Activity:
In the entries that follow, the first line to write out is the one containing "#127=IFCINDEXEDPOLYGONALFACE((1,3,7,5));", and the last is the one containing "#131=IFCINDEXEDPOLYGONALFACE((5,7,8,6));". Reproduce that stretch exactly, with nothing before or after it.

──────── Entries supplied ────────

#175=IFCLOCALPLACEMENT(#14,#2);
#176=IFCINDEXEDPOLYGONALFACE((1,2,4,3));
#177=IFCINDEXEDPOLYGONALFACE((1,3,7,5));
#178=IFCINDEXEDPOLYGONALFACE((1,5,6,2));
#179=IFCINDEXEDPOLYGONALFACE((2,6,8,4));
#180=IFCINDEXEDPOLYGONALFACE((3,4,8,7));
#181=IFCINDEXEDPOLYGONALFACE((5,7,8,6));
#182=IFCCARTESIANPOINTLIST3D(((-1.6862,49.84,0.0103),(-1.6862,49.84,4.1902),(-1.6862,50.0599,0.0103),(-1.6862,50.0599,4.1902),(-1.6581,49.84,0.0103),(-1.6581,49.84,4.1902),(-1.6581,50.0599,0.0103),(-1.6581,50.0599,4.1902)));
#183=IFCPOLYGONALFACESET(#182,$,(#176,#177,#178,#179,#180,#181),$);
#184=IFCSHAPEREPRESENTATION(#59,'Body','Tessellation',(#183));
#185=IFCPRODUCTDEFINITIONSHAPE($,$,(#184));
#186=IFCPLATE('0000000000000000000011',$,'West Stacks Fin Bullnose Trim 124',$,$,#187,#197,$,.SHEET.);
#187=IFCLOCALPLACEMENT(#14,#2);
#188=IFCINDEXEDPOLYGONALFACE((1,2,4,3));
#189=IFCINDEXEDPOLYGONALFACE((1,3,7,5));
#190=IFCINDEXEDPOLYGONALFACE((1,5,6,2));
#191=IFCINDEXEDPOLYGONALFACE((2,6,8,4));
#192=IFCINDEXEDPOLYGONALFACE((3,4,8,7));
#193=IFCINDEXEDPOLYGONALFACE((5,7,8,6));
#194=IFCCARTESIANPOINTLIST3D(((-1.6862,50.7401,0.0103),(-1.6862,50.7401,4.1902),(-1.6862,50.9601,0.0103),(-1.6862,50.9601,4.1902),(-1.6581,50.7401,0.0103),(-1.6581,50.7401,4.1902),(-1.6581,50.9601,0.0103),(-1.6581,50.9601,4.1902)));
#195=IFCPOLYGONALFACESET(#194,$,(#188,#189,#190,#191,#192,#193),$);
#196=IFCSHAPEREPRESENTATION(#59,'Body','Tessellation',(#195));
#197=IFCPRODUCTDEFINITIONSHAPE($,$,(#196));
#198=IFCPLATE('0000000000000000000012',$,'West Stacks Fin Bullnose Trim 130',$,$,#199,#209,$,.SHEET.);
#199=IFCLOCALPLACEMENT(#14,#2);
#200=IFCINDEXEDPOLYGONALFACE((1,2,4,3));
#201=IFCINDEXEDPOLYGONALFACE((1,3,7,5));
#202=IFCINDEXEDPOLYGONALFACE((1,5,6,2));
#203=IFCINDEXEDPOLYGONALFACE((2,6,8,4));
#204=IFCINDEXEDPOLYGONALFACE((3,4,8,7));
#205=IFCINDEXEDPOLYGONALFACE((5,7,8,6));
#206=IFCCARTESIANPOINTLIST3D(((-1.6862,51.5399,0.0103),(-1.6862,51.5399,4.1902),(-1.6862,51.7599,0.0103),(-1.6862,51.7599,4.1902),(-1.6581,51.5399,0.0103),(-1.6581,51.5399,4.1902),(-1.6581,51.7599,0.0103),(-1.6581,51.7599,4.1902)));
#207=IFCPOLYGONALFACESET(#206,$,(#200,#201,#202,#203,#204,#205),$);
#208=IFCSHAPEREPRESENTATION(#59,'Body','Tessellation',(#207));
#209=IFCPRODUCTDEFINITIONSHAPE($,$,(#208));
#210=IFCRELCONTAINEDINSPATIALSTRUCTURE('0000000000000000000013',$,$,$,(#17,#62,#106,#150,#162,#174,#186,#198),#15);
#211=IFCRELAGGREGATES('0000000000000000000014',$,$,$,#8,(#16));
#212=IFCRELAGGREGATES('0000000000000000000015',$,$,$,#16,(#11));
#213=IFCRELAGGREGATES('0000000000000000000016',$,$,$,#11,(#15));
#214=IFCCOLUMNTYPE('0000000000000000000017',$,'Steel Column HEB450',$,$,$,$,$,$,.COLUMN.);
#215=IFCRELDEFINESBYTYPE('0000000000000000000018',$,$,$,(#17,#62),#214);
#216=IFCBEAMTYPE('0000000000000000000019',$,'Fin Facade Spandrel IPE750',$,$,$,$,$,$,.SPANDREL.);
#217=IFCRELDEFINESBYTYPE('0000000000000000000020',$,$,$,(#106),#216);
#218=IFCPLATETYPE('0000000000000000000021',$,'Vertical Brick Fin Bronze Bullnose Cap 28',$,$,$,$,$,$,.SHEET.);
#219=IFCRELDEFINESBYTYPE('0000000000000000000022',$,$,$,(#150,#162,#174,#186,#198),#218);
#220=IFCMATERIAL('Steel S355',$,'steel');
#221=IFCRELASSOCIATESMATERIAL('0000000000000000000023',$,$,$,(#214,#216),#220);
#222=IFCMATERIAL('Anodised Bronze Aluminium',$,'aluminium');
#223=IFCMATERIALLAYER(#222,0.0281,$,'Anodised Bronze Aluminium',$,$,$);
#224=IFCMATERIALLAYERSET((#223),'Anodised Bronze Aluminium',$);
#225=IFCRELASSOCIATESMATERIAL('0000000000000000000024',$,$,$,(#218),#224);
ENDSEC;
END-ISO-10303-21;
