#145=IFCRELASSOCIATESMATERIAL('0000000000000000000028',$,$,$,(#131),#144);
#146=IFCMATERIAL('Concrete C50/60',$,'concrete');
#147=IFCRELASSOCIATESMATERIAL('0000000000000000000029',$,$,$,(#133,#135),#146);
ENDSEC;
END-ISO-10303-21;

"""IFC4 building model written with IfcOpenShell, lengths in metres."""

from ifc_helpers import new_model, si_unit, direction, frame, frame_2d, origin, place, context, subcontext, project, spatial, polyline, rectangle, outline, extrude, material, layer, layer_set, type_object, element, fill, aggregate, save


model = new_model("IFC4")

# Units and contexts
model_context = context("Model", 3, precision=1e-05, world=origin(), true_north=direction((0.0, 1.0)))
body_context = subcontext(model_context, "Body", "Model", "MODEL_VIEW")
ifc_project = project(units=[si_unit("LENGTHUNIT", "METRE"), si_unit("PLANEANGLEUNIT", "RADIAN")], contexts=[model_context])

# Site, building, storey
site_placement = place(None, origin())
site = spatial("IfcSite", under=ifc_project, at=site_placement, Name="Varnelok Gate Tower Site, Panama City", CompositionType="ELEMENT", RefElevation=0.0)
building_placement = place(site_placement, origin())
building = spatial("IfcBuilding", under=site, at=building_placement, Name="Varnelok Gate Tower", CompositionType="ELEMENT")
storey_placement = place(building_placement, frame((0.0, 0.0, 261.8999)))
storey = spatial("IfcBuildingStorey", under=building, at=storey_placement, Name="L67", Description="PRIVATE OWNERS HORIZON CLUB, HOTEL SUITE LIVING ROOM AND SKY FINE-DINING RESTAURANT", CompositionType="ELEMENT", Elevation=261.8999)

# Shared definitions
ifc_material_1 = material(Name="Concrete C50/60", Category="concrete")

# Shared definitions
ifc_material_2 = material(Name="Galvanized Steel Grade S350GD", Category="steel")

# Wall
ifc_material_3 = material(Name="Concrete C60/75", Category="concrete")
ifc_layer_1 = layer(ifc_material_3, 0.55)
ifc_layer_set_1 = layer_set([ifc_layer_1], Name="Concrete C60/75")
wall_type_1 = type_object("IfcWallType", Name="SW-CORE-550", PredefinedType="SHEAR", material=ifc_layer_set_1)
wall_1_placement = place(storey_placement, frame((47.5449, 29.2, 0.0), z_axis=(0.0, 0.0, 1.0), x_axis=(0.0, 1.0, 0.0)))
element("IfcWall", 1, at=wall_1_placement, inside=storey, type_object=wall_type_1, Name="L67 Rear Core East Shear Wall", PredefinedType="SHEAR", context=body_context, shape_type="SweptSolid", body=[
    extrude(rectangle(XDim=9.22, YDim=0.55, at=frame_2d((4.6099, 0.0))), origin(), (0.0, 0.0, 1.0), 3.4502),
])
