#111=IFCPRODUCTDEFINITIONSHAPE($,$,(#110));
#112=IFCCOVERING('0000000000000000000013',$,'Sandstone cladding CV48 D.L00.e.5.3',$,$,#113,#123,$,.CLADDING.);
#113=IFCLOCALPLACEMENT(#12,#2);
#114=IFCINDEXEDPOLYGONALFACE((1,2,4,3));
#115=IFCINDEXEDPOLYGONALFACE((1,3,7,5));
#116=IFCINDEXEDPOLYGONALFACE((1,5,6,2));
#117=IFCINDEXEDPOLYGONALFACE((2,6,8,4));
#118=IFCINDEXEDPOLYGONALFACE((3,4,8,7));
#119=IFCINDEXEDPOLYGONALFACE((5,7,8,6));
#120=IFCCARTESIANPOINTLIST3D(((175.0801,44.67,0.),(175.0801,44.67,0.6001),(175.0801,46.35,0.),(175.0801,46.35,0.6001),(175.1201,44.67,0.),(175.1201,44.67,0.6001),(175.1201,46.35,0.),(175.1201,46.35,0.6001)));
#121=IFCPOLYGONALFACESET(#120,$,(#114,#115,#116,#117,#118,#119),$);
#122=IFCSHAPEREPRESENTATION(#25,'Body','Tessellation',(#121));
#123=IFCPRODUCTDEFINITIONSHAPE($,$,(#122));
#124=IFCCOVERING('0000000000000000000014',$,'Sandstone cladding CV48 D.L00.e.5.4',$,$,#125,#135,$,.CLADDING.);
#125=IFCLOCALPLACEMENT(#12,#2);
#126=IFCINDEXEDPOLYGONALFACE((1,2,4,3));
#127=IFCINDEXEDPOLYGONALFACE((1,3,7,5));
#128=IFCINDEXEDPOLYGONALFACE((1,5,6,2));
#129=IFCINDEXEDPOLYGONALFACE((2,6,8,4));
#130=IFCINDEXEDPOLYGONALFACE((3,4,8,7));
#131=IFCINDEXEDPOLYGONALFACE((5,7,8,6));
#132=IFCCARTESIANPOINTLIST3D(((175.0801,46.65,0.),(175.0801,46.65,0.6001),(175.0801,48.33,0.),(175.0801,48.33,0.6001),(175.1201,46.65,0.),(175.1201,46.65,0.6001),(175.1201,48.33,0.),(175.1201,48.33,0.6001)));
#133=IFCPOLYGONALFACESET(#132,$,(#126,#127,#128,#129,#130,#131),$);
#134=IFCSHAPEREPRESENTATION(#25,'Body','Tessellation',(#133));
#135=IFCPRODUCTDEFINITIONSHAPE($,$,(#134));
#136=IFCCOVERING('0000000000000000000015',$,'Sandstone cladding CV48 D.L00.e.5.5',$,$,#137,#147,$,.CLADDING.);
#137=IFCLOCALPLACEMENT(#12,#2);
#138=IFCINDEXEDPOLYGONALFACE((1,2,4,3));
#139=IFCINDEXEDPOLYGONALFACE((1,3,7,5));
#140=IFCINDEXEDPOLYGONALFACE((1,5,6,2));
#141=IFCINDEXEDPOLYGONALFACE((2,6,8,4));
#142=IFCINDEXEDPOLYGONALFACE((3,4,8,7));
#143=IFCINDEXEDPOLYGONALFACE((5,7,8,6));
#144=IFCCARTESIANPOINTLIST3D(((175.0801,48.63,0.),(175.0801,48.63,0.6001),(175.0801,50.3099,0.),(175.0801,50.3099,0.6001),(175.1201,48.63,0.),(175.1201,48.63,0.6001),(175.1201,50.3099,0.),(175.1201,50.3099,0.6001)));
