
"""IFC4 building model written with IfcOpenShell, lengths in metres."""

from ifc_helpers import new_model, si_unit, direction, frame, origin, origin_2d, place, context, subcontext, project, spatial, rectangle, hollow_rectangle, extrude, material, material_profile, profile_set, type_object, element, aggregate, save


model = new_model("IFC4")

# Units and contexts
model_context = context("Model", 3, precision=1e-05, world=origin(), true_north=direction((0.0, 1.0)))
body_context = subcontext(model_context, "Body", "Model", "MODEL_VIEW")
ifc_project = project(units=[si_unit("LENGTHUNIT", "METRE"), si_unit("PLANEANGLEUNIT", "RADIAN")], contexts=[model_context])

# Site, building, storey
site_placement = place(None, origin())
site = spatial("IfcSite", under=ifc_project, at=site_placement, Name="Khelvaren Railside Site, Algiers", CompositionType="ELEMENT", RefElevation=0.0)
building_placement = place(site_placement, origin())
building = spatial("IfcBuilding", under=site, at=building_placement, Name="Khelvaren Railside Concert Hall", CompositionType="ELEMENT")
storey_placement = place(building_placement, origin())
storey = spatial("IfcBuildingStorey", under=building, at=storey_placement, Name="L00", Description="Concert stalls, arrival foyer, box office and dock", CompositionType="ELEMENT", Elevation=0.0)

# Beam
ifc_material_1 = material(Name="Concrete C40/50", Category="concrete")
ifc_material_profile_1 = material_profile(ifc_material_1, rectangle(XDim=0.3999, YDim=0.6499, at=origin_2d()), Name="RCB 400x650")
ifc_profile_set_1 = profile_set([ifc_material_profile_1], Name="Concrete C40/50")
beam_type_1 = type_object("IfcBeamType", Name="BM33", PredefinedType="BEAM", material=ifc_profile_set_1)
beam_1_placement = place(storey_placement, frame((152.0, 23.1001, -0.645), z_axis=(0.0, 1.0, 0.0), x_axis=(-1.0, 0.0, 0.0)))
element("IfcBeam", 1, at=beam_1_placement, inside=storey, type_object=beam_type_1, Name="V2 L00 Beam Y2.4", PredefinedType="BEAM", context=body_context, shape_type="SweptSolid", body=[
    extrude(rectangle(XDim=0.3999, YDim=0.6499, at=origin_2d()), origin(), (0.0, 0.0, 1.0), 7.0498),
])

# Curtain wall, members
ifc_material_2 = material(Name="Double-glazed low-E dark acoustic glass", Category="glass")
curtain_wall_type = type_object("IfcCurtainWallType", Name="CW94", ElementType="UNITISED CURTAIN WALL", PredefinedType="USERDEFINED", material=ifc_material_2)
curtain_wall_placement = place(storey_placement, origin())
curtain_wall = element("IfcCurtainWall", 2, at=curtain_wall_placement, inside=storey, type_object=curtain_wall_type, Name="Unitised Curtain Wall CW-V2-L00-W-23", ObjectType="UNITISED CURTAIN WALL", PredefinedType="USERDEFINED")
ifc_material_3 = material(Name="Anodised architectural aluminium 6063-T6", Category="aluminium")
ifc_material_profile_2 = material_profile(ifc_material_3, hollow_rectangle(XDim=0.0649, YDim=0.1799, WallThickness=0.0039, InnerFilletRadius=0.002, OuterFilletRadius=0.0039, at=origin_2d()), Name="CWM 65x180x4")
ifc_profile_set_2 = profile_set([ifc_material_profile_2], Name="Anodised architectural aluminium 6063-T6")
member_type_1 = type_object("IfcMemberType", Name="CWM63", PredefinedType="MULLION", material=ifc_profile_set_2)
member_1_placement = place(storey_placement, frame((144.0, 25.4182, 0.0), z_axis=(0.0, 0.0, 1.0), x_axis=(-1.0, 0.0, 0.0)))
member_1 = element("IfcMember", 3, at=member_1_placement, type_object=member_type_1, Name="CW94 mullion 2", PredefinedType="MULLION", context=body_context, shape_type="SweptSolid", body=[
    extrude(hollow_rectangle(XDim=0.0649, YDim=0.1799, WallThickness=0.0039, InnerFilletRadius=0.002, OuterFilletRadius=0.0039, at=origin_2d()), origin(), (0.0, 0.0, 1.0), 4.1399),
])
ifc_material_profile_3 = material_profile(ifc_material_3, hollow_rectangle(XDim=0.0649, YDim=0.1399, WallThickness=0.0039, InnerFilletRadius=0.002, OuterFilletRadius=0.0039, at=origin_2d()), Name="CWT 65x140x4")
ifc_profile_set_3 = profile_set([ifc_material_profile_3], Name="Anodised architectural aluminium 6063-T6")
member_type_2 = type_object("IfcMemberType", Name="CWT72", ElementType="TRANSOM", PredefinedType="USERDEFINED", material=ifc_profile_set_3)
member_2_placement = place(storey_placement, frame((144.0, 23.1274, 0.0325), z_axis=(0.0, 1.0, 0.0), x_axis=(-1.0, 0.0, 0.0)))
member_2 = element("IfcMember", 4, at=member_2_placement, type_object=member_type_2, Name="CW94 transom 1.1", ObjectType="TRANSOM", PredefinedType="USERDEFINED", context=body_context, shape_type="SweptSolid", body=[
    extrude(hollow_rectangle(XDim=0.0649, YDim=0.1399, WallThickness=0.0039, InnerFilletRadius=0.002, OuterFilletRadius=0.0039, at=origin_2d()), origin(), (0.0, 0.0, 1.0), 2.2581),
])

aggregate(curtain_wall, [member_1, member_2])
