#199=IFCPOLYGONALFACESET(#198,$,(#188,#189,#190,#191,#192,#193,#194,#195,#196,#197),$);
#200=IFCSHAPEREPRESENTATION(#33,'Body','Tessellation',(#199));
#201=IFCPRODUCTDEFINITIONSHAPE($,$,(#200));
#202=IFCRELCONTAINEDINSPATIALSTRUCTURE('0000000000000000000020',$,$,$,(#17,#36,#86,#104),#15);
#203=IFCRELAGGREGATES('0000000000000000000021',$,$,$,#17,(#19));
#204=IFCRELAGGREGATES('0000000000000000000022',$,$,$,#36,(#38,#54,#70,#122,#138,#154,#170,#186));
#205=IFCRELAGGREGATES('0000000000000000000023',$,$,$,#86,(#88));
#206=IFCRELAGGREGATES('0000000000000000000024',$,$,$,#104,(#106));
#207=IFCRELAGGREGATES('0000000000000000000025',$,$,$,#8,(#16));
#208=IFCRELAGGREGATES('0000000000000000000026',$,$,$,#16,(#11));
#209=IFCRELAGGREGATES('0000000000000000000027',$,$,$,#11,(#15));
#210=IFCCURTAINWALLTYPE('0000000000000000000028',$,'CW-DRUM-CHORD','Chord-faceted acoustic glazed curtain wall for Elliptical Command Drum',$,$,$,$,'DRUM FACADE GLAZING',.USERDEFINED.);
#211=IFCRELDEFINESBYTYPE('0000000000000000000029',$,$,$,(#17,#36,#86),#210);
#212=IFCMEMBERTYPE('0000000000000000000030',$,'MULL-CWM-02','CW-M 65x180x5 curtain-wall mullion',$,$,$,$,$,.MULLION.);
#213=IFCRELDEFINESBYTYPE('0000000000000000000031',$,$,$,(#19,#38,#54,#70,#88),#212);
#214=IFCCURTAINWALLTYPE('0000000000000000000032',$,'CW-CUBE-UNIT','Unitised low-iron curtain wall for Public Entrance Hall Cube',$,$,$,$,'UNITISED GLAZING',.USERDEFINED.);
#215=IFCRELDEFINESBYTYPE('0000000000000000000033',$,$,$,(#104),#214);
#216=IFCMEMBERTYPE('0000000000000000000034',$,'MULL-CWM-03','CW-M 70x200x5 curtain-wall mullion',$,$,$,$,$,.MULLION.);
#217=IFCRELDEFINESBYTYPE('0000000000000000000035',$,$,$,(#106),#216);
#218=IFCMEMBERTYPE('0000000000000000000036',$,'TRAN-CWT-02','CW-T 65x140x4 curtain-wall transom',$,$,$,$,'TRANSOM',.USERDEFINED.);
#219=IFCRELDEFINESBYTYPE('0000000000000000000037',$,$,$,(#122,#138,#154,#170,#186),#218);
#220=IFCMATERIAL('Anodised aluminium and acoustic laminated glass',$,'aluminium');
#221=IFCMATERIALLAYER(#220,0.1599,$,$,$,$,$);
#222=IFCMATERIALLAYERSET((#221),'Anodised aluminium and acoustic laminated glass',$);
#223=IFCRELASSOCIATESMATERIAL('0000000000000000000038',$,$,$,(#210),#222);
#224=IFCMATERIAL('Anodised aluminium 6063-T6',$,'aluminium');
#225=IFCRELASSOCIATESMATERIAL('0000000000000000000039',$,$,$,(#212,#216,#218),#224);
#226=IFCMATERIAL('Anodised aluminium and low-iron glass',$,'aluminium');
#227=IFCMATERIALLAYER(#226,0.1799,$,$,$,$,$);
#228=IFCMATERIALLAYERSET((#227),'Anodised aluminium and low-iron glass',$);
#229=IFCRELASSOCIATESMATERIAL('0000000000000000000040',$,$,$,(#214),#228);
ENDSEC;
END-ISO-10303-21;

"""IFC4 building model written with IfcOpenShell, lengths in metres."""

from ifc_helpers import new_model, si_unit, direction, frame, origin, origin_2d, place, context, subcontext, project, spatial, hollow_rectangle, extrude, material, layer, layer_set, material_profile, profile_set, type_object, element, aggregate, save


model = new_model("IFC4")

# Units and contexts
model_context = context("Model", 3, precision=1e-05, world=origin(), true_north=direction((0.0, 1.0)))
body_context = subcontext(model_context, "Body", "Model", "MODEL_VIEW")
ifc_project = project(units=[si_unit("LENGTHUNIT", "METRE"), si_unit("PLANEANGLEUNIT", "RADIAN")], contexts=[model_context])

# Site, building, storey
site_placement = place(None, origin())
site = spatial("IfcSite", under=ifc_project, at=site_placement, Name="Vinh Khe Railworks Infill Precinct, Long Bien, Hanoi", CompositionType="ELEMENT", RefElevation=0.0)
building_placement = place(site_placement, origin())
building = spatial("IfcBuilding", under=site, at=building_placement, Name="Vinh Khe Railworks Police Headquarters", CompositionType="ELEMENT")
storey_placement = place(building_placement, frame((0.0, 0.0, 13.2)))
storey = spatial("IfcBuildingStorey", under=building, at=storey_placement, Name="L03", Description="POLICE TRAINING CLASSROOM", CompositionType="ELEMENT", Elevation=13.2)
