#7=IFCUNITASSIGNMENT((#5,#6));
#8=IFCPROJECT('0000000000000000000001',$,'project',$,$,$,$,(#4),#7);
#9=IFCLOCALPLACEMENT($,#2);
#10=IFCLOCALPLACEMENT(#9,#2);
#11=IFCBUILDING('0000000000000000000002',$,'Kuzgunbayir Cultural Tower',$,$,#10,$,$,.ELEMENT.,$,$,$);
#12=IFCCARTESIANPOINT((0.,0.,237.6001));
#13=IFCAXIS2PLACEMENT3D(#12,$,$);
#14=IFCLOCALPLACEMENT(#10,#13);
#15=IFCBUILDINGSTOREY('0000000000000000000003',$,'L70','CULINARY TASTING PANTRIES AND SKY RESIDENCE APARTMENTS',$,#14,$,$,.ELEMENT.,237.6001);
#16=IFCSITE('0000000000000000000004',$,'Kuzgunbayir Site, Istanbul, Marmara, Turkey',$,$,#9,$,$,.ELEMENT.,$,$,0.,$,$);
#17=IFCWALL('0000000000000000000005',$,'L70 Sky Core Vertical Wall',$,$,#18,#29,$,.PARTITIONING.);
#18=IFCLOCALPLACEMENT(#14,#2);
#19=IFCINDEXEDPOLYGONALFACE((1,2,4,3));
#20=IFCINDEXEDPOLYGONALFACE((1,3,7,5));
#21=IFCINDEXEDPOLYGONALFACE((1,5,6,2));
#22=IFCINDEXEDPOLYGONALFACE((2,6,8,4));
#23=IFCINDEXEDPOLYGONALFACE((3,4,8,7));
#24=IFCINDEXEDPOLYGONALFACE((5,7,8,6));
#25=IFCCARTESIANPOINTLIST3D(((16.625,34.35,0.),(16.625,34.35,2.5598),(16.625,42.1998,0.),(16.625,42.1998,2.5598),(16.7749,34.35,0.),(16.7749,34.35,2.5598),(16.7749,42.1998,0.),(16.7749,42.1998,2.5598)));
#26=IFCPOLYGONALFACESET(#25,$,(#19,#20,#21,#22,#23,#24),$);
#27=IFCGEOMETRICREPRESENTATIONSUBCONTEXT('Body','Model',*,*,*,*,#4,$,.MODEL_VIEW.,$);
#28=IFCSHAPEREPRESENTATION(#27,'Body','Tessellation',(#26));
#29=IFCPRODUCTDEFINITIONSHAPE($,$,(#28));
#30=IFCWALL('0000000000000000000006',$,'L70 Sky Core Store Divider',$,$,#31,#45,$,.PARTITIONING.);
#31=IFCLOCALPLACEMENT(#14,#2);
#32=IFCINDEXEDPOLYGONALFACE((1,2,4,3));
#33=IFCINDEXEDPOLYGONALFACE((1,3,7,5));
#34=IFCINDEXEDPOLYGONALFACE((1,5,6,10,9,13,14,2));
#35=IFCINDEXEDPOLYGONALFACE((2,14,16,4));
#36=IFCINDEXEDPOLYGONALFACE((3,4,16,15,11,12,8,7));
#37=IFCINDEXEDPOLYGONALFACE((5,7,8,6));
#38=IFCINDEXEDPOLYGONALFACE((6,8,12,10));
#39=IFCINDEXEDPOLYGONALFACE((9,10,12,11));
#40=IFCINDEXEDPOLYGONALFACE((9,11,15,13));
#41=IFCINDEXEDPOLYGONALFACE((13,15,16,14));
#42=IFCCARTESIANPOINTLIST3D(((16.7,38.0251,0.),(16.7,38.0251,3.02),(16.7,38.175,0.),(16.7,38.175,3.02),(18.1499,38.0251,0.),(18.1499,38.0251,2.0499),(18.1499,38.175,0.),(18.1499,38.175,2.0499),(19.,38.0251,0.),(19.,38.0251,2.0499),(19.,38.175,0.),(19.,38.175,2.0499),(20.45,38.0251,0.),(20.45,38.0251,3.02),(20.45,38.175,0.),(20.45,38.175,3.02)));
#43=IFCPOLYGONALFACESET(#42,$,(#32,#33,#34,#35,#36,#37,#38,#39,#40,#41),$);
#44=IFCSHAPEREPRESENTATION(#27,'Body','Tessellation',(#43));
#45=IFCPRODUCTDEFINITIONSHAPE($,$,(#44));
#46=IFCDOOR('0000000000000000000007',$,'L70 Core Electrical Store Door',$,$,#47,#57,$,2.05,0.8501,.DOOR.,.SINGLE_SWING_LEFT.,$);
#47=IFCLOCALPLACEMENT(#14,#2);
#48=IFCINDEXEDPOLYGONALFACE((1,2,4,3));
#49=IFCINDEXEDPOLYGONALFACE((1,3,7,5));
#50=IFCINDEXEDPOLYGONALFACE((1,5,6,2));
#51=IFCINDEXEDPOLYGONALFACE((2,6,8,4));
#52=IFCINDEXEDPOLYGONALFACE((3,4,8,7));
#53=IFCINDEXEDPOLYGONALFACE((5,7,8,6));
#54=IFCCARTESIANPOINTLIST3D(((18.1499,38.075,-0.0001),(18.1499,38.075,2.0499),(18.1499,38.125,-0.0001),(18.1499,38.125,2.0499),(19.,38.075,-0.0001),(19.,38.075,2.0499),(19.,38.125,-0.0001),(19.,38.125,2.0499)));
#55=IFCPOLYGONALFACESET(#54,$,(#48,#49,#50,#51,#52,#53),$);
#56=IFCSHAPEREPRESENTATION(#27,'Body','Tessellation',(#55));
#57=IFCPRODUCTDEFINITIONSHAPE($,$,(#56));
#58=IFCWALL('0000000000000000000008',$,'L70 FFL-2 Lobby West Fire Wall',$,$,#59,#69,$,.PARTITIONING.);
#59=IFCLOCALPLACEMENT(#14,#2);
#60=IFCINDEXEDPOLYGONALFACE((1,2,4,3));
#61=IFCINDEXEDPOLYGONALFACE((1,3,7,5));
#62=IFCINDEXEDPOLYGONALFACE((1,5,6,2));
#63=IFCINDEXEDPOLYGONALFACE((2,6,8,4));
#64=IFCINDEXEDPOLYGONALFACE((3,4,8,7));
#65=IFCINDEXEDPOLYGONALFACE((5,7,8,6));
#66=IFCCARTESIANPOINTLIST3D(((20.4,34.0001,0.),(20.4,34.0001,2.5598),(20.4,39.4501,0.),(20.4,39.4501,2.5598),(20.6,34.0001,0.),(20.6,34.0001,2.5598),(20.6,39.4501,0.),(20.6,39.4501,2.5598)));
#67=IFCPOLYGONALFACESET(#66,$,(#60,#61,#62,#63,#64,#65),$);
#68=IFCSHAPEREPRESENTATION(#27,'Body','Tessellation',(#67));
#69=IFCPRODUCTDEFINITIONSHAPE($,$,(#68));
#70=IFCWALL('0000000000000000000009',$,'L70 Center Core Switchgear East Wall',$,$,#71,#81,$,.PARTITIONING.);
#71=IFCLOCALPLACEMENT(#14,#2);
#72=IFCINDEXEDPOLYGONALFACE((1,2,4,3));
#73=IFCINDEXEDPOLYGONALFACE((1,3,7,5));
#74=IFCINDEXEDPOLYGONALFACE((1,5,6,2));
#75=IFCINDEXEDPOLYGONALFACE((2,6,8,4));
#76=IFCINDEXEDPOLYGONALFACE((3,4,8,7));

────────

Response to this exercise:
#127=IFCINDEXEDPOLYGONALFACE((1,3,7,5));
#128=IFCINDEXEDPOLYGONALFACE((1,5,6,2));
#129=IFCINDEXEDPOLYGONALFACE((2,6,8,4));
#130=IFCINDEXEDPOLYGONALFACE((3,4,8,7));
#131=IFCINDEXEDPOLYGONALFACE((5,7,8,6));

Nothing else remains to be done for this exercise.